**Problem statement:** Which lines run from the line with "#158=IFCINDEXEDPOLYGONALFACE((23,24,28,27));" through the line with "#166=IFCINDEXEDPOLYGONALFACE((39,40,42,41));" in the entries below? Print them exactly, both ends included, and nothing more.

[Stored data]

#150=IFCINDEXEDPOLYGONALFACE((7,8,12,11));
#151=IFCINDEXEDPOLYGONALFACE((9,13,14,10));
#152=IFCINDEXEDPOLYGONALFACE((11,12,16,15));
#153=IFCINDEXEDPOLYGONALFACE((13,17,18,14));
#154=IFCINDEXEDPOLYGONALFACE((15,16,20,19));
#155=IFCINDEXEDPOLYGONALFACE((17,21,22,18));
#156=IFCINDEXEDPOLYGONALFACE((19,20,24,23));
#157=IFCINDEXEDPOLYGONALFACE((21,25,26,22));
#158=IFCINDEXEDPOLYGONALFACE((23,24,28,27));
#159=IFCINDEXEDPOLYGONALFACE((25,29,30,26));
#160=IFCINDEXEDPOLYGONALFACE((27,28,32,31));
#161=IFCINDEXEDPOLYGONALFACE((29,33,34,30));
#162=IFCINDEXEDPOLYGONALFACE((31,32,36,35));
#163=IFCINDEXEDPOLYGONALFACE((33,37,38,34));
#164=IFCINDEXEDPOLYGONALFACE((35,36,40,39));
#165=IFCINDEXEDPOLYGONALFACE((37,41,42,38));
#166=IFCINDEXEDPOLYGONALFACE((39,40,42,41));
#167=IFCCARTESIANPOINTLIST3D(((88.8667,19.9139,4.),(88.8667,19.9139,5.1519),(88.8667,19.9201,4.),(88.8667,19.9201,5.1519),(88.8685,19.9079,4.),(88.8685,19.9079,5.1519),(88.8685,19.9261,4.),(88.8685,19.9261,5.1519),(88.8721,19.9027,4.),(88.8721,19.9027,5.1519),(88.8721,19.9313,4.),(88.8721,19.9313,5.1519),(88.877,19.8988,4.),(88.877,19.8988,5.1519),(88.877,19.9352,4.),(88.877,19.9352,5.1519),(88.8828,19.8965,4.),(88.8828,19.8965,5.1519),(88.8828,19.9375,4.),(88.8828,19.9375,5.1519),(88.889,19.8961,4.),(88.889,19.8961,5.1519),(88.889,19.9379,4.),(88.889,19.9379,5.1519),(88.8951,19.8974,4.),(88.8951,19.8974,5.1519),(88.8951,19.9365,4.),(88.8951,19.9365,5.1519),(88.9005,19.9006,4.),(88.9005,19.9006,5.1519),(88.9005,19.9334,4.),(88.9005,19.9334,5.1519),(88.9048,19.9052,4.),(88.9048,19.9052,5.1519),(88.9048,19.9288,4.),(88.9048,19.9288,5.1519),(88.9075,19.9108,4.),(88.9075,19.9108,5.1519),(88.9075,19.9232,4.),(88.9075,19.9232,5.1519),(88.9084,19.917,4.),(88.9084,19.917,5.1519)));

**Task solution:**
#158=IFCINDEXEDPOLYGONALFACE((23,24,28,27));
#159=IFCINDEXEDPOLYGONALFACE((25,29,30,26));
#160=IFCINDEXEDPOLYGONALFACE((27,28,32,31));
#161=IFCINDEXEDPOLYGONALFACE((29,33,34,30));
#162=IFCINDEXEDPOLYGONALFACE((31,32,36,35));
#163=IFCINDEXEDPOLYGONALFACE((33,37,38,34));
#164=IFCINDEXEDPOLYGONALFACE((35,36,40,39));
#165=IFCINDEXEDPOLYGONALFACE((37,41,42,38));
#166=IFCINDEXEDPOLYGONALFACE((39,40,42,41));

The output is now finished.